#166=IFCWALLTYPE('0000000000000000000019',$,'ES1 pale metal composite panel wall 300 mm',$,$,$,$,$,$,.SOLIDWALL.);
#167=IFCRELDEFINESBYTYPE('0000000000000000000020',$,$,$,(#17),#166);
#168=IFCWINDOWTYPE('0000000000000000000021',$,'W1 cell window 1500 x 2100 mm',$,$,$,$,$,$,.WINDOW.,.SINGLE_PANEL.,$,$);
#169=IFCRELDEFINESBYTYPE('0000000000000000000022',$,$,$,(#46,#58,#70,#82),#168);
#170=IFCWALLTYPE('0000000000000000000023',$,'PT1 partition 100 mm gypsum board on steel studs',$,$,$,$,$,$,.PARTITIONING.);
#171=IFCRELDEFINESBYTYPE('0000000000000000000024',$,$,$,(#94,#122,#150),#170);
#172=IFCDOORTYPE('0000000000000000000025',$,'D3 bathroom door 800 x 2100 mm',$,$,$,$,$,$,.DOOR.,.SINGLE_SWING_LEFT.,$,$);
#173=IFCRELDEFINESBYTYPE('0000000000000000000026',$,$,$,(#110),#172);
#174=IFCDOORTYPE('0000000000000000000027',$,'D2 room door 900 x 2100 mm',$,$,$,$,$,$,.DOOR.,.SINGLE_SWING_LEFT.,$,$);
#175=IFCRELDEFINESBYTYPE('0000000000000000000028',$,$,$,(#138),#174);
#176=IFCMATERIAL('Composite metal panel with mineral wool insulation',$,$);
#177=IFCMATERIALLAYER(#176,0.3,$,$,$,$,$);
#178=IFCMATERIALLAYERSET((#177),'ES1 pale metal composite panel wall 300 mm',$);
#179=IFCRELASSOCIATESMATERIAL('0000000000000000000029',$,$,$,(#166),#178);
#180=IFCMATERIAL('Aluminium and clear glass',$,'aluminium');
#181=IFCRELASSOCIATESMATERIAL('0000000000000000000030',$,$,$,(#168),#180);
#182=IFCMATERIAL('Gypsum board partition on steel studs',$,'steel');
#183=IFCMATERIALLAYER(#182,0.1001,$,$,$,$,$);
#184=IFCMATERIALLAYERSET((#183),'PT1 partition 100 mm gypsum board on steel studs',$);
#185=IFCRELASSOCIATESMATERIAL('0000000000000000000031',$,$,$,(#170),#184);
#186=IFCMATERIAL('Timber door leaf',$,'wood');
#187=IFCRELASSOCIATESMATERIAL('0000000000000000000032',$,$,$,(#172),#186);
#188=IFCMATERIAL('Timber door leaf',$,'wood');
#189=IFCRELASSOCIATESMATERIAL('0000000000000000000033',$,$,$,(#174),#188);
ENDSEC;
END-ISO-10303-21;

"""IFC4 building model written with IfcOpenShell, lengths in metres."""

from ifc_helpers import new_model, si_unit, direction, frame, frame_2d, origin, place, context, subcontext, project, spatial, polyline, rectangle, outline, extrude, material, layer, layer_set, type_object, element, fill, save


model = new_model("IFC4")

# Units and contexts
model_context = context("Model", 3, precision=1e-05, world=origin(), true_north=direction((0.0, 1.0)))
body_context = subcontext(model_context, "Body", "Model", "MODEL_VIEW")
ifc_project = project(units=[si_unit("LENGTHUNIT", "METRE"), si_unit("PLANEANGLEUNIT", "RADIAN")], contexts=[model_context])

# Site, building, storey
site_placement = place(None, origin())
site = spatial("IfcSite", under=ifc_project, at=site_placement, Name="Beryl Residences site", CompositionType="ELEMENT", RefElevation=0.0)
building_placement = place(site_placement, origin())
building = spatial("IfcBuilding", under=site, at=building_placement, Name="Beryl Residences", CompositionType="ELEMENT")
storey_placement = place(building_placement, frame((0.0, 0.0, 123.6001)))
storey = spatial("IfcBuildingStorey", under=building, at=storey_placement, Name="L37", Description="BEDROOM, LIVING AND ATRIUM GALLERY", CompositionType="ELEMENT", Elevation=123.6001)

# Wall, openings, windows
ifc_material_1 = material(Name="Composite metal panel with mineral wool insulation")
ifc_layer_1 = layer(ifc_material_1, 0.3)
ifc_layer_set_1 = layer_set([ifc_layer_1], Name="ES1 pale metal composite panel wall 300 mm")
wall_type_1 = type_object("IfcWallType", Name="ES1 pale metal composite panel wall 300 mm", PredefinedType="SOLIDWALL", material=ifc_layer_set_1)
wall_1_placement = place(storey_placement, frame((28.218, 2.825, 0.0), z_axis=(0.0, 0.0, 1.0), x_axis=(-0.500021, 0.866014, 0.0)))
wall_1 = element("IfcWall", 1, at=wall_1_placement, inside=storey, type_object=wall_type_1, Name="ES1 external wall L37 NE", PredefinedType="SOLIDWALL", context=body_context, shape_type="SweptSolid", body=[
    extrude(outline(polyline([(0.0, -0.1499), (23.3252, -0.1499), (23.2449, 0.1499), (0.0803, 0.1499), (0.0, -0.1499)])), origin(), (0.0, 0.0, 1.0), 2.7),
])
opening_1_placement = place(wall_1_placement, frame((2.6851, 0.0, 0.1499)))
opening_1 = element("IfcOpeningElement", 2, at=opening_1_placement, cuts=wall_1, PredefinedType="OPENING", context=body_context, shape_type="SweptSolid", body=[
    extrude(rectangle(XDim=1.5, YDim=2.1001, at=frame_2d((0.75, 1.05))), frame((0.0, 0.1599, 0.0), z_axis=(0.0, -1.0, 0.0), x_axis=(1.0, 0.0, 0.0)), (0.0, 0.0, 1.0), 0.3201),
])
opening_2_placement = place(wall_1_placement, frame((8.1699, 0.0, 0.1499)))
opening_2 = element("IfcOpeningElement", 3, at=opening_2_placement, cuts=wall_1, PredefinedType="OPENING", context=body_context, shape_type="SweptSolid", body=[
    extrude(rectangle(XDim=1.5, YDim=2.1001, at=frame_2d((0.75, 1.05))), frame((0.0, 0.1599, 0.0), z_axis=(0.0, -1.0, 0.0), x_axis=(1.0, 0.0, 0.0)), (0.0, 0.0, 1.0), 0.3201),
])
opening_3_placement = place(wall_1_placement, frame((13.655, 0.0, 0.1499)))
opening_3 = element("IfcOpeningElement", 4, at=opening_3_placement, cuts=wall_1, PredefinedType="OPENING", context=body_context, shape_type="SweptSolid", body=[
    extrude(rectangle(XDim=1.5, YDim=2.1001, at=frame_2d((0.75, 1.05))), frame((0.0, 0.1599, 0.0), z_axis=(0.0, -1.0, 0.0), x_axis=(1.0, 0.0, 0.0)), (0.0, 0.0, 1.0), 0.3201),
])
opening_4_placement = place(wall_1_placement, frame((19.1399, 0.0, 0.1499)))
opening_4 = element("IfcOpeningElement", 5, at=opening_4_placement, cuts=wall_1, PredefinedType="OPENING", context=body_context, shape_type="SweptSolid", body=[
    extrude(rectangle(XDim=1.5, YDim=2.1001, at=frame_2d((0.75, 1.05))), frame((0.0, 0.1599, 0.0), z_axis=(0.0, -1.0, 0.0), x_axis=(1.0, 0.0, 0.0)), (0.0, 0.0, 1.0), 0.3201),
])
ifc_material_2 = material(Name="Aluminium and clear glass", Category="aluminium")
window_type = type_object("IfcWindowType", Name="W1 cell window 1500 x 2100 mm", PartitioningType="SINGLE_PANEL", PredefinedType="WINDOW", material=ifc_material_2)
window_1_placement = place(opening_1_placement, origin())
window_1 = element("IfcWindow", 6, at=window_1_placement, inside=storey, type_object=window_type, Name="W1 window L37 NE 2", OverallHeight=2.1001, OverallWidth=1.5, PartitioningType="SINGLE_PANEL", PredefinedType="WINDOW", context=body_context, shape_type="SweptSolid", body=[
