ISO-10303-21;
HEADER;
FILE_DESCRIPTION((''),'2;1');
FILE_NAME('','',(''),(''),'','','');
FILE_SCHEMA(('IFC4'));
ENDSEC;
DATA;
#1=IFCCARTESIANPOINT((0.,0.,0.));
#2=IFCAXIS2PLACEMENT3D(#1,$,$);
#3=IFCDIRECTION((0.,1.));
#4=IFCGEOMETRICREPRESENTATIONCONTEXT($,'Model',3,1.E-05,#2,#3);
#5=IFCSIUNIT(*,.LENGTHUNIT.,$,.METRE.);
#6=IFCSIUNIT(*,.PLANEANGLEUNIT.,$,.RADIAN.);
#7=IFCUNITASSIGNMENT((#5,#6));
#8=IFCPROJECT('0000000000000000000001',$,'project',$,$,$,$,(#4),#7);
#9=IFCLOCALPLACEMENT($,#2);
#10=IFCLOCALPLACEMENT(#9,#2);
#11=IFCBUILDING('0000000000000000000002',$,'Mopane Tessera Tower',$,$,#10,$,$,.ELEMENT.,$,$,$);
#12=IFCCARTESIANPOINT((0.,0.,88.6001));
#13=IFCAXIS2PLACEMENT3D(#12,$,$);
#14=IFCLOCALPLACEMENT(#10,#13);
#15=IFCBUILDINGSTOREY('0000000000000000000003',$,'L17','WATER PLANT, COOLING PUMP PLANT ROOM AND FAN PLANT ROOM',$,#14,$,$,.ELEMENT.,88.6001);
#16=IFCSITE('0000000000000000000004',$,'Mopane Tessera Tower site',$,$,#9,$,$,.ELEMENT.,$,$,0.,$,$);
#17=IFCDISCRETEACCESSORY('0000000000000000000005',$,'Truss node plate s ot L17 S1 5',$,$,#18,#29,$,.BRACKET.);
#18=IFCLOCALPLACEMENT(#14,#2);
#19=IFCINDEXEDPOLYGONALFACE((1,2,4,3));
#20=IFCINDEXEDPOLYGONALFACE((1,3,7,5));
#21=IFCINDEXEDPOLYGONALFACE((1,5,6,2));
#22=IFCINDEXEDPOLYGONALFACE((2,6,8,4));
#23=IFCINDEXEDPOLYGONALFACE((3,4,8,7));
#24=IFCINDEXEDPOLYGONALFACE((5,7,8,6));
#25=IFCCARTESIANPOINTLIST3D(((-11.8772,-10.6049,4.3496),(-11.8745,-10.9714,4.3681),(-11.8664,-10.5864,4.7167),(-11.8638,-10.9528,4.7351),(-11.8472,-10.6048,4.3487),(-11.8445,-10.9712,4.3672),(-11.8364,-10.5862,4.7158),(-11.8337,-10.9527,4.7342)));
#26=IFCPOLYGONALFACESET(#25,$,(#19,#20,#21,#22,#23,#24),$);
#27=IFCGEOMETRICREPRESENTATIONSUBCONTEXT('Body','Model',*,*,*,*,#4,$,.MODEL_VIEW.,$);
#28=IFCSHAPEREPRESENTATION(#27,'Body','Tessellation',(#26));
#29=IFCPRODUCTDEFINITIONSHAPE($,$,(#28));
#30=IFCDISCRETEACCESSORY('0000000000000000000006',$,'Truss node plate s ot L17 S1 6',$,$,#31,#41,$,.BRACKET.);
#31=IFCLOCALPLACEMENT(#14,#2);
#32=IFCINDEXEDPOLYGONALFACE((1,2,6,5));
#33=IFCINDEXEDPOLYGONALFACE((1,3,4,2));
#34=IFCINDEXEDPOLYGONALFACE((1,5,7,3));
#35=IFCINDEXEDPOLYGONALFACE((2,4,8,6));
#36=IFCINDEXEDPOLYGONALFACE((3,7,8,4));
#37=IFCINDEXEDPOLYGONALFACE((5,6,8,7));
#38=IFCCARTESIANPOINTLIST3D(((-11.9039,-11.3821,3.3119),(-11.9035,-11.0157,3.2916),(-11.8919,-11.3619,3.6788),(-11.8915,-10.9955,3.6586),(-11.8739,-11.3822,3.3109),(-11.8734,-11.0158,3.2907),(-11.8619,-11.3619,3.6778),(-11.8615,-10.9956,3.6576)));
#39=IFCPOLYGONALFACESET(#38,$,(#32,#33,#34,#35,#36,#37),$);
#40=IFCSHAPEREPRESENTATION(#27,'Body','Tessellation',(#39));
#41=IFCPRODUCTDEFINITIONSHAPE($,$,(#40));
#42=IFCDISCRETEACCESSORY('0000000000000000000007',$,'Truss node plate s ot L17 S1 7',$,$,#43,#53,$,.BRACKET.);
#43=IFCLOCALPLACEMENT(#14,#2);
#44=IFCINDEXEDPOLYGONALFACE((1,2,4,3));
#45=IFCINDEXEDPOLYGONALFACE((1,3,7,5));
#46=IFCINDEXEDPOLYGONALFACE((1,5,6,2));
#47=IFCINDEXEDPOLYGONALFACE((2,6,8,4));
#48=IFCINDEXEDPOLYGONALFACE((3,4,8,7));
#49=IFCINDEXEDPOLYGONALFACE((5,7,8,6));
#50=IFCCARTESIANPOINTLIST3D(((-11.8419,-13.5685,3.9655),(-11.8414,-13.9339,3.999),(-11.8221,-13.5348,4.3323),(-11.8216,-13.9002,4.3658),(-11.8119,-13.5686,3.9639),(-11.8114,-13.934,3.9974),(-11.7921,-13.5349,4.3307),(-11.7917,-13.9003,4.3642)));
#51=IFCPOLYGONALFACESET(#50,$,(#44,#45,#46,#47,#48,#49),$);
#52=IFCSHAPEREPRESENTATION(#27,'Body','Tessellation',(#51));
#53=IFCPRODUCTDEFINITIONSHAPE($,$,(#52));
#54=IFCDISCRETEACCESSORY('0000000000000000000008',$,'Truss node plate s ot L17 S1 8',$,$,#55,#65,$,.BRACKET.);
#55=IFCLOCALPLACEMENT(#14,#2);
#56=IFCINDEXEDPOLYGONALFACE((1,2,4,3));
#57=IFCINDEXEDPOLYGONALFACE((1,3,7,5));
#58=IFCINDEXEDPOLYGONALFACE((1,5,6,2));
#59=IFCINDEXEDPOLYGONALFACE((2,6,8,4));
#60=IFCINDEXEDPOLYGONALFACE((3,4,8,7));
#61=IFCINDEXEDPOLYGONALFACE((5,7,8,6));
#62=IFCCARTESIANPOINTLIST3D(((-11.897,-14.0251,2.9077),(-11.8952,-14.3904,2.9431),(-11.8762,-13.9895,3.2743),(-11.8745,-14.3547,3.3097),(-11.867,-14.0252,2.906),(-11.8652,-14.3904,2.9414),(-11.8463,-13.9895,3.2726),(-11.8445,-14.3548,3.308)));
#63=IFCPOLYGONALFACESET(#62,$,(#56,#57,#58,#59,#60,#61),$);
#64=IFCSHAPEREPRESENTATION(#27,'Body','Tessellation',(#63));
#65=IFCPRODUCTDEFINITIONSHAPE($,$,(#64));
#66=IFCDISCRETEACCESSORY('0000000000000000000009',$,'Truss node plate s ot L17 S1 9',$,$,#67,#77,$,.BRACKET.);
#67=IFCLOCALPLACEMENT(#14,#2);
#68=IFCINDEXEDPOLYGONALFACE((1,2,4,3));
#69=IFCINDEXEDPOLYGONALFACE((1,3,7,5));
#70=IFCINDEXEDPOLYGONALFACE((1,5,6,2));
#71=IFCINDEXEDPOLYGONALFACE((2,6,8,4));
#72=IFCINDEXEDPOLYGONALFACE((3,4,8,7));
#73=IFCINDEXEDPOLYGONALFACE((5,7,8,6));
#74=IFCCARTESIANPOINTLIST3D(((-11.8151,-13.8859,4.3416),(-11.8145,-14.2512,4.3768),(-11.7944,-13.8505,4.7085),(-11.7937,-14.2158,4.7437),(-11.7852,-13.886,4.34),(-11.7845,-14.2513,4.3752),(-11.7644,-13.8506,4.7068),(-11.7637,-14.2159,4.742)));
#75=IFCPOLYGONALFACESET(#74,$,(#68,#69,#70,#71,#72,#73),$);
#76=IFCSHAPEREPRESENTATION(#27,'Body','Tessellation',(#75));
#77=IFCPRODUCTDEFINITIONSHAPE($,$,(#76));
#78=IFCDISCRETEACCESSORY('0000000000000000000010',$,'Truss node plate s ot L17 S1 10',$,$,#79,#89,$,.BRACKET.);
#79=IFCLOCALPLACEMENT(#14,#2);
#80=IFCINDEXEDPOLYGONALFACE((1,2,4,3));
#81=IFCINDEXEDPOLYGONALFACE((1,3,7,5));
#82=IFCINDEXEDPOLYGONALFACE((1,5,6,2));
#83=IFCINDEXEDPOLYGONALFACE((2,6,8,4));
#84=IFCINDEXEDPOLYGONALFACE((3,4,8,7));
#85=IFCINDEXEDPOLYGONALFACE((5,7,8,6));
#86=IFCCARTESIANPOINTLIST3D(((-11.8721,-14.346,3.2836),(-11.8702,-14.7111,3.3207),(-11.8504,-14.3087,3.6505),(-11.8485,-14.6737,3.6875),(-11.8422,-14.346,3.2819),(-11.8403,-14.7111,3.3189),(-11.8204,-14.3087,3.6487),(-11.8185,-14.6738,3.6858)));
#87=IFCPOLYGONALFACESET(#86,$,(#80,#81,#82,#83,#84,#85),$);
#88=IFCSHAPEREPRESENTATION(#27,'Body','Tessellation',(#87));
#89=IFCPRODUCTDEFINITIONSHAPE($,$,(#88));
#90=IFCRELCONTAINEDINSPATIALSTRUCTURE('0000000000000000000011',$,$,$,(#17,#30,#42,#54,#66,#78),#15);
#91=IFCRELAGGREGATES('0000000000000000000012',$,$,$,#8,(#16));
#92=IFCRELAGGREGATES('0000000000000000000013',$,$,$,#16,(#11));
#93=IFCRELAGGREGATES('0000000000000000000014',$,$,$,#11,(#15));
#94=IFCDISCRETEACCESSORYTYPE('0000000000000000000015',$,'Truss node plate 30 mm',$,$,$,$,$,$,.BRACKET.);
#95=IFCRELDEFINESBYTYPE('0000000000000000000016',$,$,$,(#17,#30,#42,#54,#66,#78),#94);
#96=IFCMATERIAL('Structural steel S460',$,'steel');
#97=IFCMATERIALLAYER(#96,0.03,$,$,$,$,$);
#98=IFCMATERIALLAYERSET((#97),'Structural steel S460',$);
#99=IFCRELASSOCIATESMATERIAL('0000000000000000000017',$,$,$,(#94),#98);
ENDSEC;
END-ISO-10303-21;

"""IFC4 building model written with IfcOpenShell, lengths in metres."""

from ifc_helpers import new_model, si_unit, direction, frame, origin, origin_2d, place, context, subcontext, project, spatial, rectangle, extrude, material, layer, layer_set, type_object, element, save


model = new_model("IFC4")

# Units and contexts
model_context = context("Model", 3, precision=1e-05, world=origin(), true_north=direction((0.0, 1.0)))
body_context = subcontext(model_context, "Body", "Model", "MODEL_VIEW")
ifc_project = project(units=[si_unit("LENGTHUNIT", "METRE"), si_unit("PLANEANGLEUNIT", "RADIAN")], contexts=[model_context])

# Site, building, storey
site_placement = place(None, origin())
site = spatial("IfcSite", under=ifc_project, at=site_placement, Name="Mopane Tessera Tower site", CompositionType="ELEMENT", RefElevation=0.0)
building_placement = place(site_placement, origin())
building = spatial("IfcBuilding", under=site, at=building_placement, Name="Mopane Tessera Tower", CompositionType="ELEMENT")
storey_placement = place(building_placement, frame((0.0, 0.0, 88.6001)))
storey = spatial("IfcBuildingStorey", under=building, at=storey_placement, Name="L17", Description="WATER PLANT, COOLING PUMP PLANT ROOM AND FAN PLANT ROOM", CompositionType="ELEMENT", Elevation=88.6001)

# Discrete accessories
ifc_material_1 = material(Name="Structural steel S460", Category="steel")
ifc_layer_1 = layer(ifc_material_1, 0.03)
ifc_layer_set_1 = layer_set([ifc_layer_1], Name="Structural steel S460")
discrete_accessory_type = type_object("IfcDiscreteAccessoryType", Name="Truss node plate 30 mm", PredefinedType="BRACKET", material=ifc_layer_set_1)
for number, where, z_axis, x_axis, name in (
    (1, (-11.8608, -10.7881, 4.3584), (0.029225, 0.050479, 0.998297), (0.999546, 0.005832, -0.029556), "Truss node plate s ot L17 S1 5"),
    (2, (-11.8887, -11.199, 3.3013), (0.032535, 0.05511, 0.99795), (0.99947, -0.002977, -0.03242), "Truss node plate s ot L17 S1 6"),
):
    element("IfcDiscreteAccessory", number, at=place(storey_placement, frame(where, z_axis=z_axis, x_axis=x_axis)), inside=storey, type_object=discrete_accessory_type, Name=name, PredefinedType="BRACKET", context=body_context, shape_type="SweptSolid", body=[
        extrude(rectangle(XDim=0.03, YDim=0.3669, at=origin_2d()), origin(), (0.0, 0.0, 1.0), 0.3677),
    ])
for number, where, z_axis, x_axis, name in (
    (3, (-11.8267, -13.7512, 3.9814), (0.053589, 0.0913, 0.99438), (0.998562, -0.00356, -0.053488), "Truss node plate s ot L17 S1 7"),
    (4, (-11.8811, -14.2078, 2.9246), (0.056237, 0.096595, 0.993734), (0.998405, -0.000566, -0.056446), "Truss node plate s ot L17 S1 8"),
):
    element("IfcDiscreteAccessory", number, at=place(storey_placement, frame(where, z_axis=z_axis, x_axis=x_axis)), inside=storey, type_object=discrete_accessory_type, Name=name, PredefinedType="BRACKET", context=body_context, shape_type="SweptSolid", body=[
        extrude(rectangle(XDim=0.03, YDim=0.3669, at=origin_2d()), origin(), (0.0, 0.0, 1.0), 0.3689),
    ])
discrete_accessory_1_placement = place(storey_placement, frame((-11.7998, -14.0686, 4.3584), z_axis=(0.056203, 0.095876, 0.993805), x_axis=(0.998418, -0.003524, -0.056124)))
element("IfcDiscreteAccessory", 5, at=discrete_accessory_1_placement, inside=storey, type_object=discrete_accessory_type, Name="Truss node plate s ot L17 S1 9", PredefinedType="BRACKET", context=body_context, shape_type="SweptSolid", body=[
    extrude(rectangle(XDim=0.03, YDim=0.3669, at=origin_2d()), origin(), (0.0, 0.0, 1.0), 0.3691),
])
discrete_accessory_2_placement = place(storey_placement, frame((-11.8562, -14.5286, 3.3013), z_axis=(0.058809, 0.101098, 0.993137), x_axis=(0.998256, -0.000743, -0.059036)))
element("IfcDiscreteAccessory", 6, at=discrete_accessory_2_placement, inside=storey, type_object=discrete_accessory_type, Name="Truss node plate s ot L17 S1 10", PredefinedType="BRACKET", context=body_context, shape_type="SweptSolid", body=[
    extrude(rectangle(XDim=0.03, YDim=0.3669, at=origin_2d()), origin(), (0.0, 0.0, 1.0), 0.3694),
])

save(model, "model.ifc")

.....

Problem description
Starting with the first line of the listing above and ending with the line that holds "#188=IFCMATERIAL('Timber door leaf',$,'wood');", return those lines exactly as written, both included.

Result of this task
#166=IFCWALLTYPE('0000000000000000000019',$,'ES1 pale metal composite panel wall 300 mm',$,$,$,$,$,$,.SOLIDWALL.);
#167=IFCRELDEFINESBYTYPE('0000000000000000000020',$,$,$,(#17),#166);
#168=IFCWINDOWTYPE('0000000000000000000021',$,'W1 cell window 1500 x 2100 mm',$,$,$,$,$,$,.WINDOW.,.SINGLE_PANEL.,$,$);
#169=IFCRELDEFINESBYTYPE('0000000000000000000022',$,$,$,(#46,#58,#70,#82),#168);
#170=IFCWALLTYPE('0000000000000000000023',$,'PT1 partition 100 mm gypsum board on steel studs',$,$,$,$,$,$,.PARTITIONING.);
#171=IFCRELDEFINESBYTYPE('0000000000000000000024',$,$,$,(#94,#122,#150),#170);
#172=IFCDOORTYPE('0000000000000000000025',$,'D3 bathroom door 800 x 2100 mm',$,$,$,$,$,$,.DOOR.,.SINGLE_SWING_LEFT.,$,$);
#173=IFCRELDEFINESBYTYPE('0000000000000000000026',$,$,$,(#110),#172);
#174=IFCDOORTYPE('0000000000000000000027',$,'D2 room door 900 x 2100 mm',$,$,$,$,$,$,.DOOR.,.SINGLE_SWING_LEFT.,$,$);
#175=IFCRELDEFINESBYTYPE('0000000000000000000028',$,$,$,(#138),#174);
#176=IFCMATERIAL('Composite metal panel with mineral wool insulation',$,$);
#177=IFCMATERIALLAYER(#176,0.3,$,$,$,$,$);
#178=IFCMATERIALLAYERSET((#177),'ES1 pale metal composite panel wall 300 mm',$);
#179=IFCRELASSOCIATESMATERIAL('0000000000000000000029',$,$,$,(#166),#178);
#180=IFCMATERIAL('Aluminium and clear glass',$,'aluminium');
#181=IFCRELASSOCIATESMATERIAL('0000000000000000000030',$,$,$,(#168),#180);
#182=IFCMATERIAL('Gypsum board partition on steel studs',$,'steel');
#183=IFCMATERIALLAYER(#182,0.1001,$,$,$,$,$);
#184=IFCMATERIALLAYERSET((#183),'PT1 partition 100 mm gypsum board on steel studs',$);
#185=IFCRELASSOCIATESMATERIAL('0000000000000000000031',$,$,$,(#170),#184);
#186=IFCMATERIAL('Timber door leaf',$,'wood');
#187=IFCRELASSOCIATESMATERIAL('0000000000000000000032',$,$,$,(#172),#186);
#188=IFCMATERIAL('Timber door leaf',$,'wood');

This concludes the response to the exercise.